= EXERCISE INSTRUCTIONS =
Please quote exactly the lines below from the line containing "#52=IFCINDEXEDPOLYGONALFACE((3,4,12,11));" to the line containing "#56=IFCINDEXEDPOLYGONALFACE((7,8,16,15));", both lines included, and nothing else.

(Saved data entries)

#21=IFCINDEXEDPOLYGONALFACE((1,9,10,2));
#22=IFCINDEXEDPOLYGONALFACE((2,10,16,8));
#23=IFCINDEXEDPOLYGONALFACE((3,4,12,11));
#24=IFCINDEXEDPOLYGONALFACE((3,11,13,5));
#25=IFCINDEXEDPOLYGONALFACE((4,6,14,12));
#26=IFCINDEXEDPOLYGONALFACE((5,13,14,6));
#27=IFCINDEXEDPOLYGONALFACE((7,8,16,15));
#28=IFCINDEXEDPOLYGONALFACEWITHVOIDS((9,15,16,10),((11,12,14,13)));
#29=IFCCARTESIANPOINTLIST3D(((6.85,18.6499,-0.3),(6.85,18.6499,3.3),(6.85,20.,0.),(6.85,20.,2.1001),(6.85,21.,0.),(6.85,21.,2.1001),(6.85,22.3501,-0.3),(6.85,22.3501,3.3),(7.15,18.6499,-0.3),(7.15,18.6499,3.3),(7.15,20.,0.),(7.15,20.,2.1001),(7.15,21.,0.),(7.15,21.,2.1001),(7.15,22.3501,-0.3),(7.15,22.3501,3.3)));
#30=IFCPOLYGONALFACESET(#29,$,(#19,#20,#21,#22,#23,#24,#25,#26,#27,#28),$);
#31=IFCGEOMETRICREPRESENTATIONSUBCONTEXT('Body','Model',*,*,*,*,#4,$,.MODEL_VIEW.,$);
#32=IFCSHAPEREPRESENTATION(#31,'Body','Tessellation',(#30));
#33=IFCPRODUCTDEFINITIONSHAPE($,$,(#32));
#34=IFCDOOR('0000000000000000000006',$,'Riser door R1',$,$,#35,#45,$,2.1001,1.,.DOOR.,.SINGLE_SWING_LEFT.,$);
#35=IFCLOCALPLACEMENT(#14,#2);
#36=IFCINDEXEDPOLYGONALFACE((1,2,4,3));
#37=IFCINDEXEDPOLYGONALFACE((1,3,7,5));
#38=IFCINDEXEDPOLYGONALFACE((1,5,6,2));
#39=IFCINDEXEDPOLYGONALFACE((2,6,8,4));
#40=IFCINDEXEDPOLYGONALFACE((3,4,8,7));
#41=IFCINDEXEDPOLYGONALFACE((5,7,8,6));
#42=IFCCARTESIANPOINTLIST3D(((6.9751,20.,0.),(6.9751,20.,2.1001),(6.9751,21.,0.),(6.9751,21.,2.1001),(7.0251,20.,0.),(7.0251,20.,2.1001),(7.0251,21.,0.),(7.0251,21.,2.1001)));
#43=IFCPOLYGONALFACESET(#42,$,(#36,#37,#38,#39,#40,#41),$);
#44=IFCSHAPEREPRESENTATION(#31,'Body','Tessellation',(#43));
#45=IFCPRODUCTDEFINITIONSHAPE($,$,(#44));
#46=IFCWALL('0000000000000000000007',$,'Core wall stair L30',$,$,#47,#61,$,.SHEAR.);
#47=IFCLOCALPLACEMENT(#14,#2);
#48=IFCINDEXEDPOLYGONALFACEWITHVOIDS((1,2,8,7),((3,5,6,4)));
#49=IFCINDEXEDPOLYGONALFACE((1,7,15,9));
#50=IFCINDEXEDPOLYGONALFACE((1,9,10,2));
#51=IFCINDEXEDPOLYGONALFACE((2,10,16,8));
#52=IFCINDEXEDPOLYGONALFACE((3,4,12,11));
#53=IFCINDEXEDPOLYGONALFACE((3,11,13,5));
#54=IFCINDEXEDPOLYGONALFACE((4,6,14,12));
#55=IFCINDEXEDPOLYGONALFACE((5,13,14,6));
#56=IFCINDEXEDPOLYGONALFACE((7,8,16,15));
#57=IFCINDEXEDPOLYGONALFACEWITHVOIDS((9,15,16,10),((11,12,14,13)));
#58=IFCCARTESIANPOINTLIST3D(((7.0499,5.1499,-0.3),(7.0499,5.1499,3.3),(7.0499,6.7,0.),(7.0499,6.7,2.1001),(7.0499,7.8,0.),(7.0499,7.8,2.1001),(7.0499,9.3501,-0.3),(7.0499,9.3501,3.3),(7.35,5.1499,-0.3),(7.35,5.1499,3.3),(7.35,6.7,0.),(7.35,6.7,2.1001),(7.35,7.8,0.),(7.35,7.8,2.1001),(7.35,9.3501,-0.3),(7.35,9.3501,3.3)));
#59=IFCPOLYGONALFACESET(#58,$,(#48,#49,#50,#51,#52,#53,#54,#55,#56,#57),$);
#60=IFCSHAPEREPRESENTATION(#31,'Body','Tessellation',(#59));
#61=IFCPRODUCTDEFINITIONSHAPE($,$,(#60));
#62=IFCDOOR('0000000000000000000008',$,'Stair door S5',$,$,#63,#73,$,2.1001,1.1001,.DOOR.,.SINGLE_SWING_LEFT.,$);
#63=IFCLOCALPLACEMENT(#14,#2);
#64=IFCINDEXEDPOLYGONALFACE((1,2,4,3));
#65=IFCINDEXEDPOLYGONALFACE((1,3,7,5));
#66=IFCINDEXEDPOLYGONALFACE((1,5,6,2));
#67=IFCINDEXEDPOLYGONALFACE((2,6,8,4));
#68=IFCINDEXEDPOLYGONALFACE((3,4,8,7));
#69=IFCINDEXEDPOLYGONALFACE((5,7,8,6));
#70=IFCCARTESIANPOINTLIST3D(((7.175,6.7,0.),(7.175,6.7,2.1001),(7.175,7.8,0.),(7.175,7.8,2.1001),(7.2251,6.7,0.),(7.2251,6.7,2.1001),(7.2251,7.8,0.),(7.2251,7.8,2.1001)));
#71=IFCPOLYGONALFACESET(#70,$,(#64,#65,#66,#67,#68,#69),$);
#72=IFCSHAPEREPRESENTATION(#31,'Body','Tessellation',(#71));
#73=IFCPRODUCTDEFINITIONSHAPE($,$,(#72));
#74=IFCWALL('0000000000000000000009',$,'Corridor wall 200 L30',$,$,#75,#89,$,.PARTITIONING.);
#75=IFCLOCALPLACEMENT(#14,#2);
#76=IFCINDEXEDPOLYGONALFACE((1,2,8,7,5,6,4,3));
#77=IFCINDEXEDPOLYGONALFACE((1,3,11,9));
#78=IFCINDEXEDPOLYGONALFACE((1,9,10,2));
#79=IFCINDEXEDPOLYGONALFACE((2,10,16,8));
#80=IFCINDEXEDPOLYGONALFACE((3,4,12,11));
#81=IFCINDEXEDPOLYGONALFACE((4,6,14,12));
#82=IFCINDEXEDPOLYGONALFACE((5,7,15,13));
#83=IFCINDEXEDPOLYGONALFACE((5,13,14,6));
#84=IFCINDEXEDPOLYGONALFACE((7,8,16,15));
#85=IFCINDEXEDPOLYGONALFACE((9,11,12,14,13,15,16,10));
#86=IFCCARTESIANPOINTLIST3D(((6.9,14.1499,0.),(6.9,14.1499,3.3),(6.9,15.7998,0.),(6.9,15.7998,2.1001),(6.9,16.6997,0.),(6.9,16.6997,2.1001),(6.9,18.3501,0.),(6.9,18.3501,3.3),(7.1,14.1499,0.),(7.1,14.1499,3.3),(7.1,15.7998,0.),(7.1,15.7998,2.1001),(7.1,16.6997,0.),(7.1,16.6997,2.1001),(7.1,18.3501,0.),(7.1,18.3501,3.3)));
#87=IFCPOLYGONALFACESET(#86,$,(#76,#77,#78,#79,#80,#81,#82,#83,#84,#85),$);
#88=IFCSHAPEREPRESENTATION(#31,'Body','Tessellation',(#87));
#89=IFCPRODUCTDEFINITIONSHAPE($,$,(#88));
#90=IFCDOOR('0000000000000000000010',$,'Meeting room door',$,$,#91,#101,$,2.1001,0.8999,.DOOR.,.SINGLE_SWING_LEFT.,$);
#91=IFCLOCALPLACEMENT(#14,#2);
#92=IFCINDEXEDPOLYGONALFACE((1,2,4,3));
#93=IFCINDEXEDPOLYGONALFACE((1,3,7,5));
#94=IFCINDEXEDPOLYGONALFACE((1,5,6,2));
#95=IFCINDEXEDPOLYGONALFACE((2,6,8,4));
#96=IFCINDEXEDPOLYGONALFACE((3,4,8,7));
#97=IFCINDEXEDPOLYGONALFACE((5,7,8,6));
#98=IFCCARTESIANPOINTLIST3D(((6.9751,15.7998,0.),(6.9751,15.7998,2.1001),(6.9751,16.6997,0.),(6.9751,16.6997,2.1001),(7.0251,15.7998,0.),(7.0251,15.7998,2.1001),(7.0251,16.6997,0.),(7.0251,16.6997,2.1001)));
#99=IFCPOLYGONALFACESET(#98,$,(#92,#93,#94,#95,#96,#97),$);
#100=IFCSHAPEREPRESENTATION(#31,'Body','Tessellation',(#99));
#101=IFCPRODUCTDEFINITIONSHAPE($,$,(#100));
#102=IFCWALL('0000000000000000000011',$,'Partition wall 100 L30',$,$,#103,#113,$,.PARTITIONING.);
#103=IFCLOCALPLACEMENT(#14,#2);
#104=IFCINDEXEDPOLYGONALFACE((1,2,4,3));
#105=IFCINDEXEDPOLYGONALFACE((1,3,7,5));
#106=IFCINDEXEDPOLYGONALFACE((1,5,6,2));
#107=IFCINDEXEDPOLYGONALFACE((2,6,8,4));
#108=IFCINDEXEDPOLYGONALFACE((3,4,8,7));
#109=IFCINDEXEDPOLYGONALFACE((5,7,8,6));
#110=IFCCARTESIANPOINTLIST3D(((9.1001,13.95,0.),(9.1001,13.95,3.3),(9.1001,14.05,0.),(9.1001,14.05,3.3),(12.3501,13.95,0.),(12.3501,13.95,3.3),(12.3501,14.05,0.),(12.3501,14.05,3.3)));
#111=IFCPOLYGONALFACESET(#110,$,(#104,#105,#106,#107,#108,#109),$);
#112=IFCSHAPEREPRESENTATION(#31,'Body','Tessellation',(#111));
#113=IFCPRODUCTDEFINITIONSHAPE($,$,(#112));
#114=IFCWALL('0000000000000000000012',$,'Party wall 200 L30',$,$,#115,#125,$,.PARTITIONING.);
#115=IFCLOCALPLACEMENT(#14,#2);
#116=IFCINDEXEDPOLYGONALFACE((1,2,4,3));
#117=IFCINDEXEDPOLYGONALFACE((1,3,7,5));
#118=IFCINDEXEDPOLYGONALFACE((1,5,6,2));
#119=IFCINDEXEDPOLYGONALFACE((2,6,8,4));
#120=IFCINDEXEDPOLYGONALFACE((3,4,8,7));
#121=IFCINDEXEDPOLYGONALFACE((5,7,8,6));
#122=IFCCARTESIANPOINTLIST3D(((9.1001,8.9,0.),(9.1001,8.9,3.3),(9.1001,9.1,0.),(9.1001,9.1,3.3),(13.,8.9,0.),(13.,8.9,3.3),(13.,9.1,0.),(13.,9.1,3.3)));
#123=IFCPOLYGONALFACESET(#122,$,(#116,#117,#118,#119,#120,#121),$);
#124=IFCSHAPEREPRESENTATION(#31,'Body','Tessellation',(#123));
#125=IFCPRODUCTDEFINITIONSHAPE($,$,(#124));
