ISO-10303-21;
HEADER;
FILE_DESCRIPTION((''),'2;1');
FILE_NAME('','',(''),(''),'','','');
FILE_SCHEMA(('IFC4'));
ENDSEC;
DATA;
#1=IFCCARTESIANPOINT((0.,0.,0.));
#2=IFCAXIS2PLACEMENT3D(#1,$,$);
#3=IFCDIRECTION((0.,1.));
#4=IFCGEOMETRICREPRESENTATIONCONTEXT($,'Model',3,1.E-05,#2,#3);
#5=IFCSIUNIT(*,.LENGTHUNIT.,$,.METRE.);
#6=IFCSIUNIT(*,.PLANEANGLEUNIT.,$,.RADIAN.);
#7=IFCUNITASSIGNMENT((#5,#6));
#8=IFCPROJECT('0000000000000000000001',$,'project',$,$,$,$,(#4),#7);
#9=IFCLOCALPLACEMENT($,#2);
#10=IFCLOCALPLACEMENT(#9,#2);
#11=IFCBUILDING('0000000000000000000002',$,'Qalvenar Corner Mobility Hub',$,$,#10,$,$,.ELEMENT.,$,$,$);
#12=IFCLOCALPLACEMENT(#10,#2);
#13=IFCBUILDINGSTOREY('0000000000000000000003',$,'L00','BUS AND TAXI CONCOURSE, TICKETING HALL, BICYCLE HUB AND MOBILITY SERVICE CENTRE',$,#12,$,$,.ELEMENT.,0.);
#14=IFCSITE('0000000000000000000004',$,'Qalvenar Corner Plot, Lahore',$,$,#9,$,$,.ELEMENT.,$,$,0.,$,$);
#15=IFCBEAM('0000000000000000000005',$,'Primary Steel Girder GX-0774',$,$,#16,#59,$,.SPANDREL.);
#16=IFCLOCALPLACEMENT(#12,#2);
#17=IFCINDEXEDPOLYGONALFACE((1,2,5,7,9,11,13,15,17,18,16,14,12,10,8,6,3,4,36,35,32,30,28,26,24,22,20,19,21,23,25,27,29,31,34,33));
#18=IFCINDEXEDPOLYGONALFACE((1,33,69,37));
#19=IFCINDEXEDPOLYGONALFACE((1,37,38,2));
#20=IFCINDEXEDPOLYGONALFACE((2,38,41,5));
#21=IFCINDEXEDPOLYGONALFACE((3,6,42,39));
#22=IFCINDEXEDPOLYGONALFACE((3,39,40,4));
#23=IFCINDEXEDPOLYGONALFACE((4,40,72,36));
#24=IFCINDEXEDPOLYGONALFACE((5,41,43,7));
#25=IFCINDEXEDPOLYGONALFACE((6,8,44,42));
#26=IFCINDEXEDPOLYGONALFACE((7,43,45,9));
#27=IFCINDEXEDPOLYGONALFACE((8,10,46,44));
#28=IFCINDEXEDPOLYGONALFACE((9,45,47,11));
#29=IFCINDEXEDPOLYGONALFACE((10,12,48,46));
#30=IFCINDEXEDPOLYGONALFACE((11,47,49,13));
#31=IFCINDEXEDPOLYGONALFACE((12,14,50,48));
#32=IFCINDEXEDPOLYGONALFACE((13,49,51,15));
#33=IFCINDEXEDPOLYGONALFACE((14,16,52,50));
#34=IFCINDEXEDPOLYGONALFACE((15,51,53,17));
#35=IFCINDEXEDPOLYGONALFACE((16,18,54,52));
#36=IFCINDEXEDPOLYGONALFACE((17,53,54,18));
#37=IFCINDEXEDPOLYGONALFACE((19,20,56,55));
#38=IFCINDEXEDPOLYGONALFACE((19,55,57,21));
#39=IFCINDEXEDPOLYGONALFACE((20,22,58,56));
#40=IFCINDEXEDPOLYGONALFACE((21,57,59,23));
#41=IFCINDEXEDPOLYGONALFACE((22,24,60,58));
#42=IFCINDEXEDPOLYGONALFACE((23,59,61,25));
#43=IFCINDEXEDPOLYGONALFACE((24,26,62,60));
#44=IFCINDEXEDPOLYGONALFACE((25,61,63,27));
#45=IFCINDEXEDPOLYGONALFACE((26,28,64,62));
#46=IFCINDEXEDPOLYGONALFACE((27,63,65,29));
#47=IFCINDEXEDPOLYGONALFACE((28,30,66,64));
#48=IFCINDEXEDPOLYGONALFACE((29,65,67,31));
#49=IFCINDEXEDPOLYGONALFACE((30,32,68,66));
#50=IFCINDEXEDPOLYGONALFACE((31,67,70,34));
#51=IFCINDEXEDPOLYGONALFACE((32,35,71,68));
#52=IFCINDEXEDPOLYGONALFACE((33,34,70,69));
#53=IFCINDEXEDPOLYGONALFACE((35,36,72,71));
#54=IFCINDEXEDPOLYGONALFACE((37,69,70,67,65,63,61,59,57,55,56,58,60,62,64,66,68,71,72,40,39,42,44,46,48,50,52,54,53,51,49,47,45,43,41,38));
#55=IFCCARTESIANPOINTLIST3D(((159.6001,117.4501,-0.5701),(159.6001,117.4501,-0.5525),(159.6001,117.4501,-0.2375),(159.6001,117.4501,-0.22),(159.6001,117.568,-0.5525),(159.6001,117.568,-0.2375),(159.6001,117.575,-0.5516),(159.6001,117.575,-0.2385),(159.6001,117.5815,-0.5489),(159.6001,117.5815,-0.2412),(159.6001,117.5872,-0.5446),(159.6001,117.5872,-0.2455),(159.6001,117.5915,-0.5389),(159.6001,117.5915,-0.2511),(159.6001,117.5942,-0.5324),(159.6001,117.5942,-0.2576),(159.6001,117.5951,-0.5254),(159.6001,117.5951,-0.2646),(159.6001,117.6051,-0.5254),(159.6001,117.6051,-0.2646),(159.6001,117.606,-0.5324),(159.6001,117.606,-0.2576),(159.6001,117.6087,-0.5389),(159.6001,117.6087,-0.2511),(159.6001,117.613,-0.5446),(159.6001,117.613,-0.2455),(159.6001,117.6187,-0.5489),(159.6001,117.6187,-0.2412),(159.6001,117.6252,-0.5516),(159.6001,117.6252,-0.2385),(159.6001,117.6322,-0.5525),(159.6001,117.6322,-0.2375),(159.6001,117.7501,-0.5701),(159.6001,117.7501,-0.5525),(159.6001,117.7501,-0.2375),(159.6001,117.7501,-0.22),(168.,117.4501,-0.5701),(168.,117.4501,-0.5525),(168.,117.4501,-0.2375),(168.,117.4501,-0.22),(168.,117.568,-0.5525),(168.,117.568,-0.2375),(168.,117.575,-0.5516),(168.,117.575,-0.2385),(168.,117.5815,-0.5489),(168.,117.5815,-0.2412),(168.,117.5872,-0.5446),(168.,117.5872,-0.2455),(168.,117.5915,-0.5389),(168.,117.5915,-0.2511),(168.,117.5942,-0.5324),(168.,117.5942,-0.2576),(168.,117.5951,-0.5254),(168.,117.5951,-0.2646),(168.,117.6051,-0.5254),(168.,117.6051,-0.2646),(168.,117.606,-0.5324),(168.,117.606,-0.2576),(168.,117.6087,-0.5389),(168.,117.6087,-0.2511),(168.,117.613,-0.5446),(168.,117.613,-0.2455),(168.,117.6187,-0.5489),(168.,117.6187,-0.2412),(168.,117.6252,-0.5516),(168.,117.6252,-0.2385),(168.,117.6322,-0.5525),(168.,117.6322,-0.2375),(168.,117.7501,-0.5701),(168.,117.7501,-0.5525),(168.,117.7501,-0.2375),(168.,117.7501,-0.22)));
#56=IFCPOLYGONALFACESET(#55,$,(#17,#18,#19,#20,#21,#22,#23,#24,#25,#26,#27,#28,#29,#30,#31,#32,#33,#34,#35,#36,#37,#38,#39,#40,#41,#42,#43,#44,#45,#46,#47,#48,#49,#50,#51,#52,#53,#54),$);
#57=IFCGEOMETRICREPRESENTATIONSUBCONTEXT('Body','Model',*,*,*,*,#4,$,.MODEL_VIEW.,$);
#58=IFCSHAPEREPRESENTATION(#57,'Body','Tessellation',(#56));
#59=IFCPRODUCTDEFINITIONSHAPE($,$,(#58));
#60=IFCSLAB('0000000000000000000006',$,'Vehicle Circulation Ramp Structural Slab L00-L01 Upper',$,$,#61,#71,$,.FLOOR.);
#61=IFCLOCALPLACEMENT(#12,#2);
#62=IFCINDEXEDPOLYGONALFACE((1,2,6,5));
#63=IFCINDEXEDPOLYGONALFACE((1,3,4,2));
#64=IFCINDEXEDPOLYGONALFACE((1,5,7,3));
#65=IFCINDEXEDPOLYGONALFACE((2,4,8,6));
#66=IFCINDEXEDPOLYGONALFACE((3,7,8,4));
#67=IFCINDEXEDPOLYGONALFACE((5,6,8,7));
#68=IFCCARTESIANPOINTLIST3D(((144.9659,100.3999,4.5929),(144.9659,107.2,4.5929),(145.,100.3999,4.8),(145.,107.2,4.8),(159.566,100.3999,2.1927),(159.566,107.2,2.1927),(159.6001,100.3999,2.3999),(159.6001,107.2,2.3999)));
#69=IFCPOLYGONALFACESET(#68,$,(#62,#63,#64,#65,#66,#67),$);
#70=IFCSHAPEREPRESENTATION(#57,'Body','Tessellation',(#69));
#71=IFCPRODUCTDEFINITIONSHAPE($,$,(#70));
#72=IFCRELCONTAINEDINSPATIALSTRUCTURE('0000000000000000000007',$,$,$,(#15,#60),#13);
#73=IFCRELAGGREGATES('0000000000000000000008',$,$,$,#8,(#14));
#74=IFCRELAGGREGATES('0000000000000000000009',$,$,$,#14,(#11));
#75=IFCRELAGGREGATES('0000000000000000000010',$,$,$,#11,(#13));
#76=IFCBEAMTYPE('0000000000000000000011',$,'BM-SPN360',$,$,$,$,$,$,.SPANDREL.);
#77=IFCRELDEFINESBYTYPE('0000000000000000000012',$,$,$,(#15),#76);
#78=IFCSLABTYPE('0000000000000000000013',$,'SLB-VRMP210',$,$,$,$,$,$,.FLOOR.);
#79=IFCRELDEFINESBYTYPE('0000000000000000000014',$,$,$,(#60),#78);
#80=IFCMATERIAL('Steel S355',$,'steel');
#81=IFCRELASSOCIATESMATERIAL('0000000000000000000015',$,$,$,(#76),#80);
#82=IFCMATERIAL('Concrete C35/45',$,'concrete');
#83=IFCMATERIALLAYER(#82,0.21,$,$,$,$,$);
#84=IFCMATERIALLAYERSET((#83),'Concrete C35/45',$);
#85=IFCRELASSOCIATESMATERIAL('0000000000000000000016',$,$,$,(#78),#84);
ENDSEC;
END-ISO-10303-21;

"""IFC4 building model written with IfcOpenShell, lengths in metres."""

from ifc_helpers import new_model, si_unit, direction, frame, origin, origin_2d, place, context, subcontext, project, spatial, polyline, i_section, outline, extrude, material, layer, layer_set, material_profile, profile_set, type_object, element, save


model = new_model("IFC4")

# Units and contexts
model_context = context("Model", 3, precision=1e-05, world=origin(), true_north=direction((0.0, 1.0)))
body_context = subcontext(model_context, "Body", "Model", "MODEL_VIEW")
ifc_project = project(units=[si_unit("LENGTHUNIT", "METRE"), si_unit("PLANEANGLEUNIT", "RADIAN")], contexts=[model_context])

# Site, building, storey
site_placement = place(None, origin())
site = spatial("IfcSite", under=ifc_project, at=site_placement, Name="Qalvenar Corner Plot, Lahore", CompositionType="ELEMENT", RefElevation=0.0)
building_placement = place(site_placement, origin())
building = spatial("IfcBuilding", under=site, at=building_placement, Name="Qalvenar Corner Mobility Hub", CompositionType="ELEMENT")
storey_placement = place(building_placement, origin())
storey = spatial("IfcBuildingStorey", under=building, at=storey_placement, Name="L00", Description="BUS AND TAXI CONCOURSE, TICKETING HALL, BICYCLE HUB AND MOBILITY SERVICE CENTRE", CompositionType="ELEMENT", Elevation=0.0)

# Shared definitions
ifc_material_1 = material(Name="Steel S355", Category="steel")

# Beam
ifc_material_profile_1 = material_profile(ifc_material_1, i_section(OverallWidth=0.3, OverallDepth=0.3501, WebThickness=0.01, FlangeThickness=0.0176, FilletRadius=0.0271, at=origin_2d()), Name="HEA360")
ifc_profile_set_1 = profile_set([ifc_material_profile_1], Name="Steel S355")
beam_type_1 = type_object("IfcBeamType", Name="BM-SPN360", PredefinedType="SPANDREL", material=ifc_profile_set_1)
beam_1_placement = place(storey_placement, frame((159.6001, 117.6001, -0.395), z_axis=(1.0, 0.0, 0.0), x_axis=(0.0, 1.0, 0.0)))
element("IfcBeam", 1, at=beam_1_placement, inside=storey, type_object=beam_type_1, Name="Primary Steel Girder GX-0774", PredefinedType="SPANDREL", context=body_context, shape_type="SweptSolid", body=[
    extrude(i_section(OverallWidth=0.3, OverallDepth=0.3501, WebThickness=0.01, FlangeThickness=0.0176, FilletRadius=0.0271, at=origin_2d()), origin(), (0.0, 0.0, 1.0), 8.3999),
])

# Slab
ifc_material_2 = material(Name="Concrete C35/45", Category="concrete")
ifc_layer = layer(ifc_material_2, 0.21)
ifc_layer_set = layer_set([ifc_layer], Name="Concrete C35/45")
slab_type = type_object("IfcSlabType", Name="SLB-VRMP210", PredefinedType="FLOOR", material=ifc_layer_set)
slab_placement = place(storey_placement, frame((159.6001, 100.3999, 2.3999), z_axis=(0.162215, 0.0, 0.986755), x_axis=(-0.986755, 0.0, 0.162215)))
element("IfcSlab", 2, at=slab_placement, inside=storey, type_object=slab_type, Name="Vehicle Circulation Ramp Structural Slab L00-L01 Upper", PredefinedType="FLOOR", context=body_context, shape_type="SweptSolid", body=[
    extrude(outline(polyline([(0.0, 0.0), (14.7961, 0.0), (14.7961, -6.8), (0.0, -6.8), (0.0, 0.0)])), origin(), (0.0, 0.0, -1.0), 0.21),
])

save(model, "model.ifc")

= SOLUTION TO THE PROBLEM =
#52=IFCINDEXEDPOLYGONALFACE((3,4,12,11));
#53=IFCINDEXEDPOLYGONALFACE((3,11,13,5));
#54=IFCINDEXEDPOLYGONALFACE((4,6,14,12));
#55=IFCINDEXEDPOLYGONALFACE((5,13,14,6));
#56=IFCINDEXEDPOLYGONALFACE((7,8,16,15));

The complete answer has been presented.